= What to produce =
Using the material below, print the line that contains "END-ISO-10303-21;", the line that contains "site_placement = place(None, origin())", and every line in between, exactly and nothing else.

# # #

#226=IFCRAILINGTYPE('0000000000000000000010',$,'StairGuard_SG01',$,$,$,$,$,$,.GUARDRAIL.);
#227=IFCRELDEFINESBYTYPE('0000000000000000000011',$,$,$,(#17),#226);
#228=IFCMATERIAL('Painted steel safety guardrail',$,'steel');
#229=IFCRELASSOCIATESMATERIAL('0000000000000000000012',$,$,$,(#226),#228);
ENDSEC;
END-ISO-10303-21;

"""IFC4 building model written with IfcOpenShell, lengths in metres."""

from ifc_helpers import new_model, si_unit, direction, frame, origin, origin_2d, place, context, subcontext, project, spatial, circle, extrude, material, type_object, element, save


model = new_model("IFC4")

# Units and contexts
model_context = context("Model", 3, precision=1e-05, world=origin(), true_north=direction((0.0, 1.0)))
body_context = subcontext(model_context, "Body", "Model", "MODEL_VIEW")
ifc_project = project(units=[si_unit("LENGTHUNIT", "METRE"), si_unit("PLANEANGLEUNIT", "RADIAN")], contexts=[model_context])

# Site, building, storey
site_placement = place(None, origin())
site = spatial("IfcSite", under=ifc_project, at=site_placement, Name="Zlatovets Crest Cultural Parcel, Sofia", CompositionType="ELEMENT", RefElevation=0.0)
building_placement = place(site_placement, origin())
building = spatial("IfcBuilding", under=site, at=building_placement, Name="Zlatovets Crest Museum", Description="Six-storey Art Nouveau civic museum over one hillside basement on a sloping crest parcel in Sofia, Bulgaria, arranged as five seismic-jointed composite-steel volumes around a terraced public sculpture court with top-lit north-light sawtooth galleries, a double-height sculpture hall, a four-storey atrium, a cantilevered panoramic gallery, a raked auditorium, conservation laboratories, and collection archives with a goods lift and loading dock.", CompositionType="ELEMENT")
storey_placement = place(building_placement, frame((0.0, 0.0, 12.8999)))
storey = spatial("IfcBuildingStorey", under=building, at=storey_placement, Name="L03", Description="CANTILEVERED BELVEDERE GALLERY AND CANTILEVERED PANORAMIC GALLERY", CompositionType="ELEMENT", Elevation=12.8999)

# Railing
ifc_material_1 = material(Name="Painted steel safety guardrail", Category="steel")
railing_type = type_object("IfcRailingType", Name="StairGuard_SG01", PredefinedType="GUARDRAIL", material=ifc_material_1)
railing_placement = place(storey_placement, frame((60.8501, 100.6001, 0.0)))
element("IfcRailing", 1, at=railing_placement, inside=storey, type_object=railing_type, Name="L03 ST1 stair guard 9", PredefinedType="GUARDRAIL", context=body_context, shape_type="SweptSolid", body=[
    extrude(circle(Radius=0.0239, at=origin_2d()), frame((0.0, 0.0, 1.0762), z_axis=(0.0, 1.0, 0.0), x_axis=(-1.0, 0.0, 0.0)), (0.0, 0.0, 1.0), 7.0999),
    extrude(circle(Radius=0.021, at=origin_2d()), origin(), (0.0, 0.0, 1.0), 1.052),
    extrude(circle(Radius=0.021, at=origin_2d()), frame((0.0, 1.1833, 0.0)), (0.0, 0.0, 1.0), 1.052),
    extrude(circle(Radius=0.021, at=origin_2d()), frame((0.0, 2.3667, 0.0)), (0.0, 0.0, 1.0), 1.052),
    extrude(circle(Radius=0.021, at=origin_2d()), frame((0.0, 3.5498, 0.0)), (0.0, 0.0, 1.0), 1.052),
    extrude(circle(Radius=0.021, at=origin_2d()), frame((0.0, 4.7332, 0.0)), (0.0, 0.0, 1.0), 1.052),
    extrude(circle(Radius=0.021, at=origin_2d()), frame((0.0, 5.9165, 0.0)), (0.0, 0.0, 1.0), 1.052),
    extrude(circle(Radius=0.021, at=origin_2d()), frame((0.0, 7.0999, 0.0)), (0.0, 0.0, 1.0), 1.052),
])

# # #

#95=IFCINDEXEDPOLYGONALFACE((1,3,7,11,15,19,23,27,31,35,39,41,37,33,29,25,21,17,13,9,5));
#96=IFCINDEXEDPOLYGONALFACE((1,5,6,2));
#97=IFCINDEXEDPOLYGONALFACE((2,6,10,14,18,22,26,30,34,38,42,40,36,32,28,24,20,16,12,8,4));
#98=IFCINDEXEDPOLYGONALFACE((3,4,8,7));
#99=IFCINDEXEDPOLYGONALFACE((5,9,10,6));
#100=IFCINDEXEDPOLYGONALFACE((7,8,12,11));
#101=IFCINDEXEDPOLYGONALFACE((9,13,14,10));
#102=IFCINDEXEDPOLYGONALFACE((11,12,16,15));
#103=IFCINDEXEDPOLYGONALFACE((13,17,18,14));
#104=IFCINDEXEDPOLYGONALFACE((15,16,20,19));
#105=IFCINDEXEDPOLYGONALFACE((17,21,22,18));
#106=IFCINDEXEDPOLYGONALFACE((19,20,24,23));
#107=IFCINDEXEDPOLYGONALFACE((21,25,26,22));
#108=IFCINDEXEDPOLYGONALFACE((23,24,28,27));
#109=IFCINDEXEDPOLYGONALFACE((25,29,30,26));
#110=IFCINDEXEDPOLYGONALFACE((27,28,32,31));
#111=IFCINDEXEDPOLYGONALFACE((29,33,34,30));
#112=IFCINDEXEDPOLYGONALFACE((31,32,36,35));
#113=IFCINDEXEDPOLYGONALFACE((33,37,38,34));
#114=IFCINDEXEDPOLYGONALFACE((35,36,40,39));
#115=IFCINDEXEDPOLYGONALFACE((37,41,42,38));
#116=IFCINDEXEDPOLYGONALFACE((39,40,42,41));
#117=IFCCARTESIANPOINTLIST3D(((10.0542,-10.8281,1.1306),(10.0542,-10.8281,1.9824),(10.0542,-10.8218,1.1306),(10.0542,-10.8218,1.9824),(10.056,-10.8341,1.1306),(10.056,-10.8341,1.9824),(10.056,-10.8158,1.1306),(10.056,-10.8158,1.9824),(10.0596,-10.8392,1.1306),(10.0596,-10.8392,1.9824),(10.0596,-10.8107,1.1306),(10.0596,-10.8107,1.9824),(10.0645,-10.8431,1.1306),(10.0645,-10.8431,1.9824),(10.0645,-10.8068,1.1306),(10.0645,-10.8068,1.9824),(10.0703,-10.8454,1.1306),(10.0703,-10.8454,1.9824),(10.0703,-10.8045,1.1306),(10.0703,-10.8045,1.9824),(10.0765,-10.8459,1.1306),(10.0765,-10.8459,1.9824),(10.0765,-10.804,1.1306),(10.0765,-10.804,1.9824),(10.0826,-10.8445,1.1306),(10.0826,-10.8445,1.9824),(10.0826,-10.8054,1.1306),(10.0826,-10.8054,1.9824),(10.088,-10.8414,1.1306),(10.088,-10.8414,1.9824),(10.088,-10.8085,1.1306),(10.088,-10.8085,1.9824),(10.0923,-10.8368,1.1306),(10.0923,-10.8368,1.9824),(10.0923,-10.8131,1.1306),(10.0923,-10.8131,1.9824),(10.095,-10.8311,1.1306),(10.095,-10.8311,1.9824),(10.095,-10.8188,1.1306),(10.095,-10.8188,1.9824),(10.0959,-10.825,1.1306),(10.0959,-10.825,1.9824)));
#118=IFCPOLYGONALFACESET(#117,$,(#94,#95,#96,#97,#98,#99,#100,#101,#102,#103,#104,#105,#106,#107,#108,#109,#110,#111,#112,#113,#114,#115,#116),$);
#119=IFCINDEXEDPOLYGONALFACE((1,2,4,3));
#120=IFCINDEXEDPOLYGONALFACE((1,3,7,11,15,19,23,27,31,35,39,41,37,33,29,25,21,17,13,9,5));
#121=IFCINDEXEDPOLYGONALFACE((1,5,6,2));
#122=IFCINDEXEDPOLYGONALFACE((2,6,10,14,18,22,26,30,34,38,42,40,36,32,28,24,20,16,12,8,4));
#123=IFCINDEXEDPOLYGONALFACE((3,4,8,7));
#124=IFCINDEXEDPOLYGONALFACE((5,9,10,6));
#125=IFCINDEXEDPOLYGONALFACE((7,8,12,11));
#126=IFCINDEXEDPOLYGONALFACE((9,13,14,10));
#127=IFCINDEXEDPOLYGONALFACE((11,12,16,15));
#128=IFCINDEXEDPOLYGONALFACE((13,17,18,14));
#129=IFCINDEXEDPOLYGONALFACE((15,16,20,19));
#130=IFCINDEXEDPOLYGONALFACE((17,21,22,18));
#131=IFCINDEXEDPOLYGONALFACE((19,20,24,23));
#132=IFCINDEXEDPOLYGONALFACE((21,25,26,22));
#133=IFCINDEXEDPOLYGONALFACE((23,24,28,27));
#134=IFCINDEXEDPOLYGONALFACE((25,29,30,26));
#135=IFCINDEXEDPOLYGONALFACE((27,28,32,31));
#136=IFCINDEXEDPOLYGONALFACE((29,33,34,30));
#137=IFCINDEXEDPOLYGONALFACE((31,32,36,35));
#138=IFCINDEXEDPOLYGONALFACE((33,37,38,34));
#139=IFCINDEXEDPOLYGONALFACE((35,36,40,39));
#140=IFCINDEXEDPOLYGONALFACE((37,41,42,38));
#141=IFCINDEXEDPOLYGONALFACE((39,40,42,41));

# # #

= Written solution =
END-ISO-10303-21;

"""IFC4 building model written with IfcOpenShell, lengths in metres."""

from ifc_helpers import new_model, si_unit, direction, frame, origin, origin_2d, place, context, subcontext, project, spatial, circle, extrude, material, type_object, element, save


model = new_model("IFC4")

# Units and contexts
model_context = context("Model", 3, precision=1e-05, world=origin(), true_north=direction((0.0, 1.0)))
body_context = subcontext(model_context, "Body", "Model", "MODEL_VIEW")
ifc_project = project(units=[si_unit("LENGTHUNIT", "METRE"), si_unit("PLANEANGLEUNIT", "RADIAN")], contexts=[model_context])

# Site, building, storey
site_placement = place(None, origin())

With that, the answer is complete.